PROMPT
Return exactly the span of lines in the following data that opens with the line containing "[libraries it declares])" and closes with the line containing "which some entities". Include nothing else.

DATA IN THIS EXERCISE
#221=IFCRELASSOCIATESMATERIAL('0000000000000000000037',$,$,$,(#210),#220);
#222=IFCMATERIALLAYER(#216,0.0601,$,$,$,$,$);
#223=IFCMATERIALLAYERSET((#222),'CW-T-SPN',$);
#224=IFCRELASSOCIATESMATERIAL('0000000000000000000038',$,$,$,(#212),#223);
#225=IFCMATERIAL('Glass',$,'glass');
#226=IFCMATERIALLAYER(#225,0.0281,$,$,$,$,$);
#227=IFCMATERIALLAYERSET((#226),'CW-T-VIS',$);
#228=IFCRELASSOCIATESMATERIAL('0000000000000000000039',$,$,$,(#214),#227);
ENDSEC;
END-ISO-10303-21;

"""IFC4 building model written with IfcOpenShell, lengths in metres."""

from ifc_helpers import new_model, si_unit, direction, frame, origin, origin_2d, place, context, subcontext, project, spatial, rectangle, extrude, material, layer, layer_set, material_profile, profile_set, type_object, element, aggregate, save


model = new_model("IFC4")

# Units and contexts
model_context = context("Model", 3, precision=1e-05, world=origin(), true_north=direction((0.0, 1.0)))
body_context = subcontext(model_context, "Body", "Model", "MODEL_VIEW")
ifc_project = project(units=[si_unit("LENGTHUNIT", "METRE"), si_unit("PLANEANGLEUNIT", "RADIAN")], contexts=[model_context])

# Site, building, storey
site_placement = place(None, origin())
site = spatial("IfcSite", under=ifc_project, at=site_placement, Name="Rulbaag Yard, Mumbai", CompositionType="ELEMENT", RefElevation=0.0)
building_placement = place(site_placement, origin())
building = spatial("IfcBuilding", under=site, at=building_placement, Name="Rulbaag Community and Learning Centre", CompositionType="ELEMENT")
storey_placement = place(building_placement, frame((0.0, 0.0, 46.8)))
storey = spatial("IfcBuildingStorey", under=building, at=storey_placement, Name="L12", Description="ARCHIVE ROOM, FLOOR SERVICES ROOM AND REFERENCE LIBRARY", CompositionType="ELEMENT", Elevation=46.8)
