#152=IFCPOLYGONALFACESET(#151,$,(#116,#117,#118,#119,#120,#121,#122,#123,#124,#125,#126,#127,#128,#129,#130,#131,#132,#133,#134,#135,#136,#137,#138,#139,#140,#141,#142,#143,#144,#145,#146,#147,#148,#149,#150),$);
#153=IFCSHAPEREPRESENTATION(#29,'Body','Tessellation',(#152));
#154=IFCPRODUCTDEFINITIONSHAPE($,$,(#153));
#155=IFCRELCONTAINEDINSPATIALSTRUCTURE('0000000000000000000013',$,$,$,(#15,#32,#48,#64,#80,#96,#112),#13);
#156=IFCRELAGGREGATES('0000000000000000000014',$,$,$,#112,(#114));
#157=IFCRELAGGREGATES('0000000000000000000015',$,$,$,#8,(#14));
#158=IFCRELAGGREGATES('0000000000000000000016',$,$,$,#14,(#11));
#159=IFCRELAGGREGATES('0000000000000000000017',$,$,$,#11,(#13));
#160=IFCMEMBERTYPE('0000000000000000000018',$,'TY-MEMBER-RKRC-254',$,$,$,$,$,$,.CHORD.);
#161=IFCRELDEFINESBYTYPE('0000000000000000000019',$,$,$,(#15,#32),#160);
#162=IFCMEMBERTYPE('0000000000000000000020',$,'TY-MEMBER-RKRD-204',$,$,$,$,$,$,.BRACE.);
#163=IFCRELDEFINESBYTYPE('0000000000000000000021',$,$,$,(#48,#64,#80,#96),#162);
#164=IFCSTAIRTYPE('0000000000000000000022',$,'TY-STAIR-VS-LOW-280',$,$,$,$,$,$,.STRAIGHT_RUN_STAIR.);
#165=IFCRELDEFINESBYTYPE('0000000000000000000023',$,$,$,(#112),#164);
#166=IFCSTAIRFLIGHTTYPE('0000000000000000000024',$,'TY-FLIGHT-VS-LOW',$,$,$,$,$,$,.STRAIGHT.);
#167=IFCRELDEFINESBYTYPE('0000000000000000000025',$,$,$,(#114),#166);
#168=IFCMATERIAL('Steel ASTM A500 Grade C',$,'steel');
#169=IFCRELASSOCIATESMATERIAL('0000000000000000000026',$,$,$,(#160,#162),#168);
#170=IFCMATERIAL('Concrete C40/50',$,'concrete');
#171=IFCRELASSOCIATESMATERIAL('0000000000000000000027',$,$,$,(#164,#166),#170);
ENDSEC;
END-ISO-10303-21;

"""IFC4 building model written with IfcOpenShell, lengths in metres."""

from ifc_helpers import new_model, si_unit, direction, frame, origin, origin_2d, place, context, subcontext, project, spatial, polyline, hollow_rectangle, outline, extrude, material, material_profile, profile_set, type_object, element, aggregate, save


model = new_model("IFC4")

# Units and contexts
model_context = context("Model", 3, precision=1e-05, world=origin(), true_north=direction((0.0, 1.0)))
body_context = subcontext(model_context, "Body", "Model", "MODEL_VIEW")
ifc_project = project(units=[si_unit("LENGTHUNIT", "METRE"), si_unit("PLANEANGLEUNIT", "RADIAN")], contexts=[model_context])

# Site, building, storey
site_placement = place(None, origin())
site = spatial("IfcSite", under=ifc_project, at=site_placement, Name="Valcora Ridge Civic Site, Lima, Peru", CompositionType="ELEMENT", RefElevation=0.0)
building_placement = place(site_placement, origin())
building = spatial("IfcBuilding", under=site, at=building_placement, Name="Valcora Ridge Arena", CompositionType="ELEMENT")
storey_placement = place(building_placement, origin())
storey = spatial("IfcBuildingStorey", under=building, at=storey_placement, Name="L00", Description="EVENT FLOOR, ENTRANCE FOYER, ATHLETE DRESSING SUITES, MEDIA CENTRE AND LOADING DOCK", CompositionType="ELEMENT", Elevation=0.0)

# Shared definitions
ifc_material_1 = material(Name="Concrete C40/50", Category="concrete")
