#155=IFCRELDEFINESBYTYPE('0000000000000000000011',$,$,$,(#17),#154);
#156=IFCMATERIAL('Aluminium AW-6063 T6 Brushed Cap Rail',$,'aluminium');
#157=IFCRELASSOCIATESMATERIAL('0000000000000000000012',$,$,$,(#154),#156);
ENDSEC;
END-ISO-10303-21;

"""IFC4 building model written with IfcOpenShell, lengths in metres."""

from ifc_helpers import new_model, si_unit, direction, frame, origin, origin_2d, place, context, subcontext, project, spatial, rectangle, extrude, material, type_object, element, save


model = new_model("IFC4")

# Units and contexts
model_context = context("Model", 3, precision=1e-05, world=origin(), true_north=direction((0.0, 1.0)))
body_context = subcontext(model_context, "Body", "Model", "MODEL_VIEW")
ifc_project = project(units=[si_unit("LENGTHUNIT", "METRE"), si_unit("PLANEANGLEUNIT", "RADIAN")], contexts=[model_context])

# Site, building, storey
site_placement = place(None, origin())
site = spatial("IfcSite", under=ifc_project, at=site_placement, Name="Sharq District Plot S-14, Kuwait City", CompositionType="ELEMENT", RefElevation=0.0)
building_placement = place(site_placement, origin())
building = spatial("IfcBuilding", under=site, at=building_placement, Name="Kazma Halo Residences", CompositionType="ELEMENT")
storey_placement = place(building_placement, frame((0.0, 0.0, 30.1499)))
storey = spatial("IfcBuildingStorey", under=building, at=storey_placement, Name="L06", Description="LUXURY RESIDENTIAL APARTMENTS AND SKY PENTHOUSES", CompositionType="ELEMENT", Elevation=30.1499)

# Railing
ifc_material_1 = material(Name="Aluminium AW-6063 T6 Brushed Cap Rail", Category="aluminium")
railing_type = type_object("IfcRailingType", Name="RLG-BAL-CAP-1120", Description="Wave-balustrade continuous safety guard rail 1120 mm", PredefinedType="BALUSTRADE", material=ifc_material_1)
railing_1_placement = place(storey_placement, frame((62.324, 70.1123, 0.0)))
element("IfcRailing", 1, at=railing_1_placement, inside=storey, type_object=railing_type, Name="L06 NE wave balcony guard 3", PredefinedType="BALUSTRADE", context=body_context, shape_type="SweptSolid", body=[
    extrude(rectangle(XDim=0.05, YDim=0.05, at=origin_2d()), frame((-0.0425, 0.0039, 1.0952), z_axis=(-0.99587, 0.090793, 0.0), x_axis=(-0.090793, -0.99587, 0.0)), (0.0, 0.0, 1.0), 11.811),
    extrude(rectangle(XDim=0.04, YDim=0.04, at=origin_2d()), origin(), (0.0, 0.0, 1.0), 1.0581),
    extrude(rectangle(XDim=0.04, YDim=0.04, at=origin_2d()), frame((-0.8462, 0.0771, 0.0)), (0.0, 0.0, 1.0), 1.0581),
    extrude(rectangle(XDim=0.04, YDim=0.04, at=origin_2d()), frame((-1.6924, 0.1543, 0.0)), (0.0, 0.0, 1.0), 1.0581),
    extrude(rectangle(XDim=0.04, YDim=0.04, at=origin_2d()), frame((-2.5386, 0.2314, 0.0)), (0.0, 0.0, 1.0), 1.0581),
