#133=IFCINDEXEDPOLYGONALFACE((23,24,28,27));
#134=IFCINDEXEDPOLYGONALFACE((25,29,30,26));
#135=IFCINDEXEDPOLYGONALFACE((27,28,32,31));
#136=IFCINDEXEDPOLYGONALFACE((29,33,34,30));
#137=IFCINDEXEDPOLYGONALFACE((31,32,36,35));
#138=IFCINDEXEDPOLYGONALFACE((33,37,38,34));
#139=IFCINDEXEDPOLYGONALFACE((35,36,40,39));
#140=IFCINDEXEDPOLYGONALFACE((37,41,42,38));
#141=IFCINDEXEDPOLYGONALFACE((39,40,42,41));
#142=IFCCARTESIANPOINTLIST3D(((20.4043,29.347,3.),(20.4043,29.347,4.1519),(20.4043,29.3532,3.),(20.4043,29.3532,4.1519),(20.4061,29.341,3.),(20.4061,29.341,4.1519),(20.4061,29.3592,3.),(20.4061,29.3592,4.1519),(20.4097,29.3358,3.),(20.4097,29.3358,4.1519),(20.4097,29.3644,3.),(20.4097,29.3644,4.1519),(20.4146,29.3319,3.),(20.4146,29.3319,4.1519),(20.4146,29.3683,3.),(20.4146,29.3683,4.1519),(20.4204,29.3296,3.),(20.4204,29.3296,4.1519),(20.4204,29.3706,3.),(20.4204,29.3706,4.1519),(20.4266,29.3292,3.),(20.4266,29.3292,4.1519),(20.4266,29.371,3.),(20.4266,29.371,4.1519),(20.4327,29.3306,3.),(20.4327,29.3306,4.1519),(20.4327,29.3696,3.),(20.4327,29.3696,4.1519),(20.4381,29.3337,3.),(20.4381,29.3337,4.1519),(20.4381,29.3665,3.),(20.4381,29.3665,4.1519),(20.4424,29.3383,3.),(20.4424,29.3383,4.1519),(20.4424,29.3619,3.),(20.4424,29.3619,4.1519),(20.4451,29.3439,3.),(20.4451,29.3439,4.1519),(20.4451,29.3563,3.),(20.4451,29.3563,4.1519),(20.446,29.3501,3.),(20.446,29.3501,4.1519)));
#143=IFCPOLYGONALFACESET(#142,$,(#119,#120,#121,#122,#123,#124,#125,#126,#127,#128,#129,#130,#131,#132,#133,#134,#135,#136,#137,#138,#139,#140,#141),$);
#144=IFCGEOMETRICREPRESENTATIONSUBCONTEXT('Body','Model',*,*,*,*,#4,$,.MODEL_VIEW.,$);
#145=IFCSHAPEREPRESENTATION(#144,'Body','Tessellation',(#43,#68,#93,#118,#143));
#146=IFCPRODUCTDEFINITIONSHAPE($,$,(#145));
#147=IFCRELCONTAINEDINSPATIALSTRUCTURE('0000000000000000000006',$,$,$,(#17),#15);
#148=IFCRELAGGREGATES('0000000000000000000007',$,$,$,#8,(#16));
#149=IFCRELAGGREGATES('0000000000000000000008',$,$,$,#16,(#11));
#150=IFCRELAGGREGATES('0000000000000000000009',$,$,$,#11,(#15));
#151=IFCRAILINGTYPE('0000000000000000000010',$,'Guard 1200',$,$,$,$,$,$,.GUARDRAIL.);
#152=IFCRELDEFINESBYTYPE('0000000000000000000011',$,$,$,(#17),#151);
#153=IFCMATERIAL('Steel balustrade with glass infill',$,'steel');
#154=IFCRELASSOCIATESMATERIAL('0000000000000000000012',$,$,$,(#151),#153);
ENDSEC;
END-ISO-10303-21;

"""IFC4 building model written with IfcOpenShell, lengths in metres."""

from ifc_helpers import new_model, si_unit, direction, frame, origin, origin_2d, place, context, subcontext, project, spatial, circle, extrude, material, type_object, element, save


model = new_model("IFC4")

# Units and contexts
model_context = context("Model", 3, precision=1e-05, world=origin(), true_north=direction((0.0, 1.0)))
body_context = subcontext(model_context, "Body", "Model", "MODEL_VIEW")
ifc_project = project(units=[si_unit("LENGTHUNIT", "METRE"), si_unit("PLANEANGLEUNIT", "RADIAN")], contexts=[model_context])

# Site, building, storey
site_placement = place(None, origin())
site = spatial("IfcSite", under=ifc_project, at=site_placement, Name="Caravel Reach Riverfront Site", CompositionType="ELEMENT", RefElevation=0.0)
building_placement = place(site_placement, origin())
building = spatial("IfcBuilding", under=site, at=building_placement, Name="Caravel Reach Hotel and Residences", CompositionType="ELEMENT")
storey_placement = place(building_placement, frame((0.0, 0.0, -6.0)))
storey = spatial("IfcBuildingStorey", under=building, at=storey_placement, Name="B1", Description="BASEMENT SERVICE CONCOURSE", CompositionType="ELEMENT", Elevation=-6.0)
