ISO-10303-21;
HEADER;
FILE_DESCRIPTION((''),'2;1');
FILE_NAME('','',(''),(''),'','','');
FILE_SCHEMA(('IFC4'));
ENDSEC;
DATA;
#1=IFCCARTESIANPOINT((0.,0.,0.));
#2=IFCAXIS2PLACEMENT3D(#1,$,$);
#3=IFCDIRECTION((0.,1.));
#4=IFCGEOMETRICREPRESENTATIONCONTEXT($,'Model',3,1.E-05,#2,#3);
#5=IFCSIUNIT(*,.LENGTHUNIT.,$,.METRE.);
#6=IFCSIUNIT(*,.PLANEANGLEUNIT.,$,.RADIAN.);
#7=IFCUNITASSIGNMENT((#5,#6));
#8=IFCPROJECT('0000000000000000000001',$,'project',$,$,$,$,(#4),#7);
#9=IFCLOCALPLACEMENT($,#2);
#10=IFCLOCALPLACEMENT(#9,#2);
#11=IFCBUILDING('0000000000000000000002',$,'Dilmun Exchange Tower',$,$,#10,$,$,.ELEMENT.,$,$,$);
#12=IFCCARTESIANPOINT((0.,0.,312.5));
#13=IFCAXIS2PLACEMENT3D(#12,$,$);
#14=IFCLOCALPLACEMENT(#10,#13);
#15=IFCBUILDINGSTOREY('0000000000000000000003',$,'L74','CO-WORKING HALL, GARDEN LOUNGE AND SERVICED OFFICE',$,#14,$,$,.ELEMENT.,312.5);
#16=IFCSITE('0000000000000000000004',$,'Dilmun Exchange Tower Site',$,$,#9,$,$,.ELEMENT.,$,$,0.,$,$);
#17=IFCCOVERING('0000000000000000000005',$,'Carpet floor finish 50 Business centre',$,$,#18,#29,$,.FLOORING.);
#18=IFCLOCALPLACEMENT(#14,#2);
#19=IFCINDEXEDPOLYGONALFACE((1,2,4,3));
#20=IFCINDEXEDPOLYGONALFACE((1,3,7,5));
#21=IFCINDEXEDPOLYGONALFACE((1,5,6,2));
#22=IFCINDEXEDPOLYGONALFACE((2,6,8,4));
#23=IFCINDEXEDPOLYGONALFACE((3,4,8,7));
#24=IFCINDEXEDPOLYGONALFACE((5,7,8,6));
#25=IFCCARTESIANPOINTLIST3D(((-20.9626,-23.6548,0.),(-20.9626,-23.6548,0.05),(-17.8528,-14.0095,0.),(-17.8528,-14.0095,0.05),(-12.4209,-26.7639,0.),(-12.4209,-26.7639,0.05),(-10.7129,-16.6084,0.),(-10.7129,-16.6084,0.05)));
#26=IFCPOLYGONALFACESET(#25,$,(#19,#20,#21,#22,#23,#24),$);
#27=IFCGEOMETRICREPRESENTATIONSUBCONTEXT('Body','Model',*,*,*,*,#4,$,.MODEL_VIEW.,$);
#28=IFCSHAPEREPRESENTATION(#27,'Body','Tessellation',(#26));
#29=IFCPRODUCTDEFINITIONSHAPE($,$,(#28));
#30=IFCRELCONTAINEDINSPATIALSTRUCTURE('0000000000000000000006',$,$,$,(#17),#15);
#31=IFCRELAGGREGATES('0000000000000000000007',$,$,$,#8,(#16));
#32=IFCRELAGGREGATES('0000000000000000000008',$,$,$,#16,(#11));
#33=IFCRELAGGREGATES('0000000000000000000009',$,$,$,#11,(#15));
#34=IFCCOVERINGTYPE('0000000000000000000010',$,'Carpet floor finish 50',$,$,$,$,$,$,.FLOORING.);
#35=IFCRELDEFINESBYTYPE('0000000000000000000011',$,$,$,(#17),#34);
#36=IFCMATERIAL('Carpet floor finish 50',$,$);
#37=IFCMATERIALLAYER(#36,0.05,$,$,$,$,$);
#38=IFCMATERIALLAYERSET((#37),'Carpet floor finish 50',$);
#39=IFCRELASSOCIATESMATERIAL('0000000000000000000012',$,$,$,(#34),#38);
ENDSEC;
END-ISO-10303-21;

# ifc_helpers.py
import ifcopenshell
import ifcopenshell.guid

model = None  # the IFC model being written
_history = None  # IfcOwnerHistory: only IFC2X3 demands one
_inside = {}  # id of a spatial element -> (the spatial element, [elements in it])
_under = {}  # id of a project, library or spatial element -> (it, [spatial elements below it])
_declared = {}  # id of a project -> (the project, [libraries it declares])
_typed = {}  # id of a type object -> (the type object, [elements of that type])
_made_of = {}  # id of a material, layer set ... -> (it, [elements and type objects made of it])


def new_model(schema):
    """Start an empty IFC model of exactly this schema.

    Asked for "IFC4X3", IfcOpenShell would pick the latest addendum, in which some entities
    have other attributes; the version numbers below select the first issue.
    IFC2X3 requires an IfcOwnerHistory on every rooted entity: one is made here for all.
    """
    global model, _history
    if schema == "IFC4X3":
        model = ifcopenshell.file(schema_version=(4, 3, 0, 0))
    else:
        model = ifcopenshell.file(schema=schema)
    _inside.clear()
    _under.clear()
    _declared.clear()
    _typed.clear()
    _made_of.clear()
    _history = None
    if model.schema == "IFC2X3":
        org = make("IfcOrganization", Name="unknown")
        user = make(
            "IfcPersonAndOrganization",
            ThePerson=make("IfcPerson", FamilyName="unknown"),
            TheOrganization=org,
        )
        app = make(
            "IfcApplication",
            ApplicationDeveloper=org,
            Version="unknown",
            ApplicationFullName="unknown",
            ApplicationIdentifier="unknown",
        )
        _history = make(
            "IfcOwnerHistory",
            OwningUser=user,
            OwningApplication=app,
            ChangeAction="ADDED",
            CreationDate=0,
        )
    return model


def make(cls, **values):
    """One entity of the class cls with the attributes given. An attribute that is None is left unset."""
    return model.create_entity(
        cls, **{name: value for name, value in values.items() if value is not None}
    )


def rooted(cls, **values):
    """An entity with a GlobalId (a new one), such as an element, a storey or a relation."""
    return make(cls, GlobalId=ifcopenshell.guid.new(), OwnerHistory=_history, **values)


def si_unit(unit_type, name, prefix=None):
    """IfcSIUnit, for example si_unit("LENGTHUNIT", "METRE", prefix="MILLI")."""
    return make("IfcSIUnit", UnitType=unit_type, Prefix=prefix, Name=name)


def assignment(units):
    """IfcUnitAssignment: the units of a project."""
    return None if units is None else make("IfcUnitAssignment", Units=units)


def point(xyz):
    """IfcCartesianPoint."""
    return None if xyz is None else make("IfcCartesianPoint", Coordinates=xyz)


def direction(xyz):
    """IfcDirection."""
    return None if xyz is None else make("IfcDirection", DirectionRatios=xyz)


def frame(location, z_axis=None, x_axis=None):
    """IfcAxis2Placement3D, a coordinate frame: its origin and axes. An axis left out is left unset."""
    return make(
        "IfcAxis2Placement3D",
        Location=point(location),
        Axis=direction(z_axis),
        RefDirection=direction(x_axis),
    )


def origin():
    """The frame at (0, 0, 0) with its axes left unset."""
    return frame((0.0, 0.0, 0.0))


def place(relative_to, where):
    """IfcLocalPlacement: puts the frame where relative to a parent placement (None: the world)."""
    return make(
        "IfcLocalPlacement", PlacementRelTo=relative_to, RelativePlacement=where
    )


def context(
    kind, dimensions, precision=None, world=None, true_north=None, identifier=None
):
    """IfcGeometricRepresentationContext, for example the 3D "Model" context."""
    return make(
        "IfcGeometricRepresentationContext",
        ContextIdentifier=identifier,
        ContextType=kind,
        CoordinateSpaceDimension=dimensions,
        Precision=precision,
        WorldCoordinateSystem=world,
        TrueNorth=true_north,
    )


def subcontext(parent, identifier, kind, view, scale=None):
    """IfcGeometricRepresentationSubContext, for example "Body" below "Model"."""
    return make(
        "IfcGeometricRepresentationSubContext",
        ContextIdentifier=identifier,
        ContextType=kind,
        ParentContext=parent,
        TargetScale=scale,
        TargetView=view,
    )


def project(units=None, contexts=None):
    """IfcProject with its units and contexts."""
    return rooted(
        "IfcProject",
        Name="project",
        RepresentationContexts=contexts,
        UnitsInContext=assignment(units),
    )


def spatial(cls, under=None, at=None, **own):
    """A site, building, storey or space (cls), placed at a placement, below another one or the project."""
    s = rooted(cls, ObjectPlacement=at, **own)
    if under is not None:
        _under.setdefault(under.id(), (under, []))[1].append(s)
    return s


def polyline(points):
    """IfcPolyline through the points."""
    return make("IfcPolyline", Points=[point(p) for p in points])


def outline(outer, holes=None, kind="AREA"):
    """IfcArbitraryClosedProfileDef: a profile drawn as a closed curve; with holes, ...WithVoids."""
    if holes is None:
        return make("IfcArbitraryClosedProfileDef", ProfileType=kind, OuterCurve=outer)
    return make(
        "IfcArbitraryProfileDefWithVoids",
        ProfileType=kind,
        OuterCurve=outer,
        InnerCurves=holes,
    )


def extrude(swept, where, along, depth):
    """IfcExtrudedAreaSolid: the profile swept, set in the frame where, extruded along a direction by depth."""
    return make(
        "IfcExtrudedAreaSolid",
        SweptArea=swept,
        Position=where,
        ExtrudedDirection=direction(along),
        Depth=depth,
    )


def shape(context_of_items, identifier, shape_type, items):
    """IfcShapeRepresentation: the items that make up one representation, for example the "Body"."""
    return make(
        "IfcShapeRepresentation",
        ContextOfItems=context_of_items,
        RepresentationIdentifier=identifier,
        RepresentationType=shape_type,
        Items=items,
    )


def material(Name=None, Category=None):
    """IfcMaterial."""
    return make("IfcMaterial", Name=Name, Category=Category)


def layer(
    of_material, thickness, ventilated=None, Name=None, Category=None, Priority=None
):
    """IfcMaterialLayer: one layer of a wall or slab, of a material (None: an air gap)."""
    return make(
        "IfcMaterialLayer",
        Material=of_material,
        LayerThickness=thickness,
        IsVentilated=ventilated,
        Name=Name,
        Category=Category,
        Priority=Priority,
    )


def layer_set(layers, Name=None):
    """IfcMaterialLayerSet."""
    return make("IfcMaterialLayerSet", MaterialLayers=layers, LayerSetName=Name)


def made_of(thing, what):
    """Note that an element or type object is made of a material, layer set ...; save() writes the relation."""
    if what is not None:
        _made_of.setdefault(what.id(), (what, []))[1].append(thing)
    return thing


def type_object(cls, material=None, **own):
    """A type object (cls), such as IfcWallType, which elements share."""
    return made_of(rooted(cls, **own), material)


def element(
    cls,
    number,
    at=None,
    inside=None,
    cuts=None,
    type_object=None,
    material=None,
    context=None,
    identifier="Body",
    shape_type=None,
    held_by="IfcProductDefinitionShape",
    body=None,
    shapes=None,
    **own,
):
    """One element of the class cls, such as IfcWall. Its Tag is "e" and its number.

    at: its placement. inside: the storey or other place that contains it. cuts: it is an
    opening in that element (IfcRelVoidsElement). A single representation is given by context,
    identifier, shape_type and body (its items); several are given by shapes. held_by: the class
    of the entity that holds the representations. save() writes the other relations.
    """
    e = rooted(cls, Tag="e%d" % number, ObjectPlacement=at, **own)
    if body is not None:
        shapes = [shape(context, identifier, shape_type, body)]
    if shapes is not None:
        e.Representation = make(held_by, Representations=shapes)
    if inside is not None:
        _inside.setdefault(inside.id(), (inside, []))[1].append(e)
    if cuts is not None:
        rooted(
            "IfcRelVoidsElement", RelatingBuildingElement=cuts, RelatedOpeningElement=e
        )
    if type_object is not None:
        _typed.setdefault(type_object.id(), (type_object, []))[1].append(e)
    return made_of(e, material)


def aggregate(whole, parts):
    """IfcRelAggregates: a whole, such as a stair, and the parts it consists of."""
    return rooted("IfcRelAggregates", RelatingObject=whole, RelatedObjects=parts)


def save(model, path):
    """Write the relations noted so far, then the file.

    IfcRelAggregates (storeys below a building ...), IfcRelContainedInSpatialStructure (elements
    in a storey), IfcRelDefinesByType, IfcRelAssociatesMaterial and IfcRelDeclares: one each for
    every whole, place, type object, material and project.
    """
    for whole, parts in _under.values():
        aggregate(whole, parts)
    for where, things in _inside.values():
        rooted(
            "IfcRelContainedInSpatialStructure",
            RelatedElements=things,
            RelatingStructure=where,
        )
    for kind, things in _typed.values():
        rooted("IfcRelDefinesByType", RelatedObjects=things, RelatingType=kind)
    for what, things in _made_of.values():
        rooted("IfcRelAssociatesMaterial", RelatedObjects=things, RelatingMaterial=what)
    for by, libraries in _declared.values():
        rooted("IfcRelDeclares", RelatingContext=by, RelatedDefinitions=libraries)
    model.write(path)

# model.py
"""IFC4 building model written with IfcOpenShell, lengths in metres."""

from ifc_helpers import new_model, si_unit, direction, frame, origin, place, context, subcontext, project, spatial, polyline, outline, extrude, material, layer, layer_set, type_object, element, save


model = new_model("IFC4")

# Units and contexts
model_context = context("Model", 3, precision=1e-05, world=origin(), true_north=direction((0.0, 1.0)))
body_context = subcontext(model_context, "Body", "Model", "MODEL_VIEW")
ifc_project = project(units=[si_unit("LENGTHUNIT", "METRE"), si_unit("PLANEANGLEUNIT", "RADIAN")], contexts=[model_context])

# Site, building, storey
site_placement = place(None, origin())
site = spatial("IfcSite", under=ifc_project, at=site_placement, Name="Dilmun Exchange Tower Site", CompositionType="ELEMENT", RefElevation=0.0)
building_placement = place(site_placement, origin())
building = spatial("IfcBuilding", under=site, at=building_placement, Name="Dilmun Exchange Tower", CompositionType="ELEMENT")
storey_placement = place(building_placement, frame((0.0, 0.0, 312.5)))
storey = spatial("IfcBuildingStorey", under=building, at=storey_placement, Name="L74", Description="CO-WORKING HALL, GARDEN LOUNGE AND SERVICED OFFICE", CompositionType="ELEMENT", Elevation=312.5)

# Covering
ifc_material_1 = material(Name="Carpet floor finish 50")
ifc_layer_1 = layer(ifc_material_1, 0.05)
ifc_layer_set_1 = layer_set([ifc_layer_1], Name="Carpet floor finish 50")
covering_type_1 = type_object("IfcCoveringType", Name="Carpet floor finish 50", PredefinedType="FLOORING", material=ifc_layer_set_1)
covering_1_placement = place(storey_placement, origin())
element("IfcCovering", 1, at=covering_1_placement, inside=storey, type_object=covering_type_1, Name="Carpet floor finish 50 Business centre", PredefinedType="FLOORING", context=body_context, shape_type="SweptSolid", body=[
    extrude(outline(polyline([(-12.4209, -26.7639), (-20.9626, -23.6548), (-17.8528, -14.0095), (-10.7129, -16.6084), (-12.4209, -26.7639)])), origin(), (0.0, 0.0, 1.0), 0.05),
])

save(model, "model.ifc")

FINAL ANSWER
_declared = {}  # id of a project -> (the project, [libraries it declares])
_typed = {}  # id of a type object -> (the type object, [elements of that type])
_made_of = {}  # id of a material, layer set ... -> (it, [elements and type objects made of it])


def new_model(schema):
    """Start an empty IFC model of exactly this schema.

    Asked for "IFC4X3", IfcOpenShell would pick the latest addendum, in which some entities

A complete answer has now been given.